WORK REQUEST = From the material below, work out how many lines contain "origin" and answer with the number only.

═════ INFORMATION SHOWN ═════

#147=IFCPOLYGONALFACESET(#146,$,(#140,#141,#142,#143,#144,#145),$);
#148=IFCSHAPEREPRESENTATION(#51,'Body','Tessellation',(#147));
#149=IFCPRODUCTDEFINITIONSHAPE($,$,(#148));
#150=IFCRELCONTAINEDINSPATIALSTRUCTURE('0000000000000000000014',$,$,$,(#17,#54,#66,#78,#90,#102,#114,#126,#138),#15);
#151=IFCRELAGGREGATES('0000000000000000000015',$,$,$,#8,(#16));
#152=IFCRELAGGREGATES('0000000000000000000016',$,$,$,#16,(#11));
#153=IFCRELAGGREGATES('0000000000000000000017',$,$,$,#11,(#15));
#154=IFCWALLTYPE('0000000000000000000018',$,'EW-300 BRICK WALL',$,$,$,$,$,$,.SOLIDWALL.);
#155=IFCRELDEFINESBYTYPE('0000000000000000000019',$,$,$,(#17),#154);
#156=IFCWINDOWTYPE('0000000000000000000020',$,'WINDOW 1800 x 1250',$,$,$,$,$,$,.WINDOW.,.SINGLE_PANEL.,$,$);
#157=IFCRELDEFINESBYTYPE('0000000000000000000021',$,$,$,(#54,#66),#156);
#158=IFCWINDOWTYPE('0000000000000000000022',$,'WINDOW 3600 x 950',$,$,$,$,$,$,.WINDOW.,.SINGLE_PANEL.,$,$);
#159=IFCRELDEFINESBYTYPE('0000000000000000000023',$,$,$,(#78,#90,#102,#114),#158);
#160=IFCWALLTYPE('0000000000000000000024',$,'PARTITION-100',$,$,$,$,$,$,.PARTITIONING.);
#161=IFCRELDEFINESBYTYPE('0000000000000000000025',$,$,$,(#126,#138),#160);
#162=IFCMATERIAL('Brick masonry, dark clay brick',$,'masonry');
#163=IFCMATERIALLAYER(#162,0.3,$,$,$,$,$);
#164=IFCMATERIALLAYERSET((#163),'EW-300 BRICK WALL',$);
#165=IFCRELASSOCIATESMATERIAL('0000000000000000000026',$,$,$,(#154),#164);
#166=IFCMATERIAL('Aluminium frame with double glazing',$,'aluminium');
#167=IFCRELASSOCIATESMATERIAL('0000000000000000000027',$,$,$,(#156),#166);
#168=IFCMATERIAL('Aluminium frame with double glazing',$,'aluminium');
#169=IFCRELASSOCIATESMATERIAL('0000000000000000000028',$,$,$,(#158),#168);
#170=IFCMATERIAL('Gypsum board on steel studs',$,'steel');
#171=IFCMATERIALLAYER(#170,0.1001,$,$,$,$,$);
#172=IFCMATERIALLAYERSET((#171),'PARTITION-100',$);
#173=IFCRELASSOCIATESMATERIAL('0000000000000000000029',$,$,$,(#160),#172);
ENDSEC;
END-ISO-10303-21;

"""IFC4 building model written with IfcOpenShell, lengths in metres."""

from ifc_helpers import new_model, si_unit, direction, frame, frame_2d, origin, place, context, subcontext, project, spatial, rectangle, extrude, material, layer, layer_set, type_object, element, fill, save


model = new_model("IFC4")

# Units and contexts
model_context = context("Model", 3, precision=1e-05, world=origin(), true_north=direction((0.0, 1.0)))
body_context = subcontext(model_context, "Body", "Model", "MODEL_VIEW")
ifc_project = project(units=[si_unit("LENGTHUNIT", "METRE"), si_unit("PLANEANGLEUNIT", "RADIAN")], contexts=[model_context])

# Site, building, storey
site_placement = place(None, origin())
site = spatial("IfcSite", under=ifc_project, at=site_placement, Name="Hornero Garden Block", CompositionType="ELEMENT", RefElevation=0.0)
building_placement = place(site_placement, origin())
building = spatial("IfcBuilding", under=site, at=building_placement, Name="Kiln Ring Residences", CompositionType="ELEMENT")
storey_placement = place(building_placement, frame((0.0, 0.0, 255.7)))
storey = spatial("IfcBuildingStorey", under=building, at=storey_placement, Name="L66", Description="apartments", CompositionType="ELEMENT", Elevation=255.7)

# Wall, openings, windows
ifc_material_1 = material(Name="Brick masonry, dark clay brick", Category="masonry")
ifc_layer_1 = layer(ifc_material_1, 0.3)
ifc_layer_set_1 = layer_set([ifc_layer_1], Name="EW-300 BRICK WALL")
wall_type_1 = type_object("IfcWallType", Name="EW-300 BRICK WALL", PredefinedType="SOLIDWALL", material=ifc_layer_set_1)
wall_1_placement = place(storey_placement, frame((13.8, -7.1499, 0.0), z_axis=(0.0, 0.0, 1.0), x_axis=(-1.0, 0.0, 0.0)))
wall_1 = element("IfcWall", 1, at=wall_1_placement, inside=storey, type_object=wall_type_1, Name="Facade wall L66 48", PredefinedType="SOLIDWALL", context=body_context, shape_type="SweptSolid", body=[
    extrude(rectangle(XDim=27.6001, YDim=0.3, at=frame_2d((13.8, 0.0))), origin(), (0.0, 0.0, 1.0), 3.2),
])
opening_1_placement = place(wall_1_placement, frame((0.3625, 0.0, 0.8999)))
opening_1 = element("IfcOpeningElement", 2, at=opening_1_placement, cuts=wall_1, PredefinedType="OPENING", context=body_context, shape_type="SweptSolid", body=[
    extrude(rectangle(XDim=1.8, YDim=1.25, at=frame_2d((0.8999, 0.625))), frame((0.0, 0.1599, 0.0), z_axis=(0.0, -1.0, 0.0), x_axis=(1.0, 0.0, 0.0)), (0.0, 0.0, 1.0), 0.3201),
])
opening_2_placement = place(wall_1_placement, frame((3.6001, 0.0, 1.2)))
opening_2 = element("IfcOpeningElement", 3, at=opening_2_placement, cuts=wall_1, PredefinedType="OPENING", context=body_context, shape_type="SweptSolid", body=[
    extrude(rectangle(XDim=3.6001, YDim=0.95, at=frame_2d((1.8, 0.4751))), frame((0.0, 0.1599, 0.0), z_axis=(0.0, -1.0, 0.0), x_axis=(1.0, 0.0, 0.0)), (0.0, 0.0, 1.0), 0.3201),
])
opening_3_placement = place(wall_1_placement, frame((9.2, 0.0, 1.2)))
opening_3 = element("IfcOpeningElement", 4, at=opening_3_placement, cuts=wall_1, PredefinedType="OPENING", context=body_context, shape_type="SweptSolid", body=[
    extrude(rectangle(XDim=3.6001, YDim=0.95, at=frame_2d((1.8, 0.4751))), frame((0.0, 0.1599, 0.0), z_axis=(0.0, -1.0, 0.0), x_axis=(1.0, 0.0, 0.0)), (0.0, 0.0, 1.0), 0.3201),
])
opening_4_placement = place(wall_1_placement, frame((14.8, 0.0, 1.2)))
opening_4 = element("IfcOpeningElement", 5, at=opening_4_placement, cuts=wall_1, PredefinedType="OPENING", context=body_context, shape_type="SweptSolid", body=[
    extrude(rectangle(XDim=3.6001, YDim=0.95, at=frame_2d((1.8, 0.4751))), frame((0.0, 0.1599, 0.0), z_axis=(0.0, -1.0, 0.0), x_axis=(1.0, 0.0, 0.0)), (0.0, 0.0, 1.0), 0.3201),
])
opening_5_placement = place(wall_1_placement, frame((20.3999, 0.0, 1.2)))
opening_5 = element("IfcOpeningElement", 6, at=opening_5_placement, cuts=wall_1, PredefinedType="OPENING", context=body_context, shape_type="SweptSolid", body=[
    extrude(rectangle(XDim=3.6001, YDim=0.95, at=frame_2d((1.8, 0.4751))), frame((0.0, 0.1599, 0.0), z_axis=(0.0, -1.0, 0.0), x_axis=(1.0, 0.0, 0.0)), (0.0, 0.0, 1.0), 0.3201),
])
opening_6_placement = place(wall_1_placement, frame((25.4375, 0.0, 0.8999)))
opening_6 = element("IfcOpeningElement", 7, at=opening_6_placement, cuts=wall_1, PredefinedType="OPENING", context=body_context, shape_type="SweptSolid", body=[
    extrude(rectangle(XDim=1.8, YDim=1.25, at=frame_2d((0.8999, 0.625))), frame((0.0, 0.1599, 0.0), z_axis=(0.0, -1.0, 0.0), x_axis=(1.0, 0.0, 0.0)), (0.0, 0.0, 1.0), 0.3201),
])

═════

YOUR SOLUTION = 5